* Exercise objective:
Work out how many lines in the records below include the string "IFCSHAPEREPRESENTATION", and reply with that number alone.

[Records for this exercise]

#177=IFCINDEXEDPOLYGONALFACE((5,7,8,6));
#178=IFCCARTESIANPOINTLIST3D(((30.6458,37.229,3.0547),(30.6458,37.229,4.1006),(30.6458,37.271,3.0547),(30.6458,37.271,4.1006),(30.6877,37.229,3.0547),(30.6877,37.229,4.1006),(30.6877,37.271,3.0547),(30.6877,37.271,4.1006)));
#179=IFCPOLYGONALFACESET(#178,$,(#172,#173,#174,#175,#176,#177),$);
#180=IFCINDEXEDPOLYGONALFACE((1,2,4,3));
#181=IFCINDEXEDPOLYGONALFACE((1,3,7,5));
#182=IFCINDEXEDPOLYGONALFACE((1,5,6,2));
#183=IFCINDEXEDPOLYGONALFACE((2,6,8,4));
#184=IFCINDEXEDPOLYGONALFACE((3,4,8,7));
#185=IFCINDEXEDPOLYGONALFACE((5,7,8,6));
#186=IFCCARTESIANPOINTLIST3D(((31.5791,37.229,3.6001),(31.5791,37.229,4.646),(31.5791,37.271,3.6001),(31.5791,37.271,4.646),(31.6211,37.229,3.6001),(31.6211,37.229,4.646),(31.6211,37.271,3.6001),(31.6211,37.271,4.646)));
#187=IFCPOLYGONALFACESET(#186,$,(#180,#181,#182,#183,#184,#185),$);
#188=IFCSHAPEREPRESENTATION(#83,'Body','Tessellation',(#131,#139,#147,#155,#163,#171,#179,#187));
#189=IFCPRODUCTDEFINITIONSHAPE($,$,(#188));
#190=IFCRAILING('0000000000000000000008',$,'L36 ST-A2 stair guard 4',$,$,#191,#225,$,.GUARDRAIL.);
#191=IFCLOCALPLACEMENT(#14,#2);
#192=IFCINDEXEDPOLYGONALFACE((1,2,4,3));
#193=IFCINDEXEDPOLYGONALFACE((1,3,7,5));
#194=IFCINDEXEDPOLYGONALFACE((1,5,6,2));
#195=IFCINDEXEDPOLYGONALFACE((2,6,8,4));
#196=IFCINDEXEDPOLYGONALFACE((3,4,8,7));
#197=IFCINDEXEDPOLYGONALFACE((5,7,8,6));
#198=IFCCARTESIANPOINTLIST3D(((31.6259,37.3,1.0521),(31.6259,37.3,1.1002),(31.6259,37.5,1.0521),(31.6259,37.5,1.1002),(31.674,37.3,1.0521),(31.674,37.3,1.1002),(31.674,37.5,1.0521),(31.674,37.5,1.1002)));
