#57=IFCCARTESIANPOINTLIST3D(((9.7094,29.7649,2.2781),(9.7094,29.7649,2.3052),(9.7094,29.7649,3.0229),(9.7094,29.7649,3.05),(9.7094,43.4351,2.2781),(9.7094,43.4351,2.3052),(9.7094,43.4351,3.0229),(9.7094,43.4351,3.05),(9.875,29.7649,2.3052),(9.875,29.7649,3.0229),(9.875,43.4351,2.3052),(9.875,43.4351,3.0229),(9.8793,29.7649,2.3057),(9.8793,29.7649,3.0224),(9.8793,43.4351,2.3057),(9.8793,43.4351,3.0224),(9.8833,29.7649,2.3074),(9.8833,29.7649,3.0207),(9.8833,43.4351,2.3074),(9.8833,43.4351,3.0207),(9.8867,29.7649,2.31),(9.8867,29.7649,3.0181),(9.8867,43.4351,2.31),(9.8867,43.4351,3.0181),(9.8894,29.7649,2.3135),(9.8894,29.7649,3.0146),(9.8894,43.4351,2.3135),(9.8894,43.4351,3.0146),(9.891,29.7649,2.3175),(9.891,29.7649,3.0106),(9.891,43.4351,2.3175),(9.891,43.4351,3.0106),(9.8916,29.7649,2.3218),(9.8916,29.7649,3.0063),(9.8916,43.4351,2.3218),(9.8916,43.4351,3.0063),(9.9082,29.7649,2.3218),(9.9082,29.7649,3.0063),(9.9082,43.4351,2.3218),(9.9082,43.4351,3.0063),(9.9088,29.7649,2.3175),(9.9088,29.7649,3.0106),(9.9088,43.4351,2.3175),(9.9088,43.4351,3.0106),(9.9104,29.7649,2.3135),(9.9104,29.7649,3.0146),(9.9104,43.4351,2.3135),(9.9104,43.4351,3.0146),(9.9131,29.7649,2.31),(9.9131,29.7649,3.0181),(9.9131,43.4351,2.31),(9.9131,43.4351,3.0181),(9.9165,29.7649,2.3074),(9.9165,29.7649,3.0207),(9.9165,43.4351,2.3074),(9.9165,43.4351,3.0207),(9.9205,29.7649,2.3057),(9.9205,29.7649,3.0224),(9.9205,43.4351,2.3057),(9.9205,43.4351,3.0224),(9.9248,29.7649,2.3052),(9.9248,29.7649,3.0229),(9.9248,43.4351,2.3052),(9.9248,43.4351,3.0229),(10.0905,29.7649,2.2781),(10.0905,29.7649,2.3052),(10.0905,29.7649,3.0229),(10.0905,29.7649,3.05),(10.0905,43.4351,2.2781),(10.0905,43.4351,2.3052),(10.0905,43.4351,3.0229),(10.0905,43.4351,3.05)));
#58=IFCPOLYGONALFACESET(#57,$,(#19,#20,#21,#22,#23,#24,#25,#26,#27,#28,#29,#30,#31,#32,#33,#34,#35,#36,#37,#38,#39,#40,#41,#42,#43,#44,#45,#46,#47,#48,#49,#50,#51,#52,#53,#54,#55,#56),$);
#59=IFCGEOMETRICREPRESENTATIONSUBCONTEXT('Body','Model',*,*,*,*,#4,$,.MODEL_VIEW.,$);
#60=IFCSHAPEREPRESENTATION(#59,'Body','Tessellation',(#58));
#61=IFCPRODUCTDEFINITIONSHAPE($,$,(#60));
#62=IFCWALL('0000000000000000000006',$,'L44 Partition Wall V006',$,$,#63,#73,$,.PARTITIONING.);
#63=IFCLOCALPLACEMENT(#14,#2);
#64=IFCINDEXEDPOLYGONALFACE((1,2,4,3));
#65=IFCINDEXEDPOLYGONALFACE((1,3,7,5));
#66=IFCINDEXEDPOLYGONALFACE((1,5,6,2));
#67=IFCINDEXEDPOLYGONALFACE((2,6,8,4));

[/Records for this exercise]

* Solution below:
2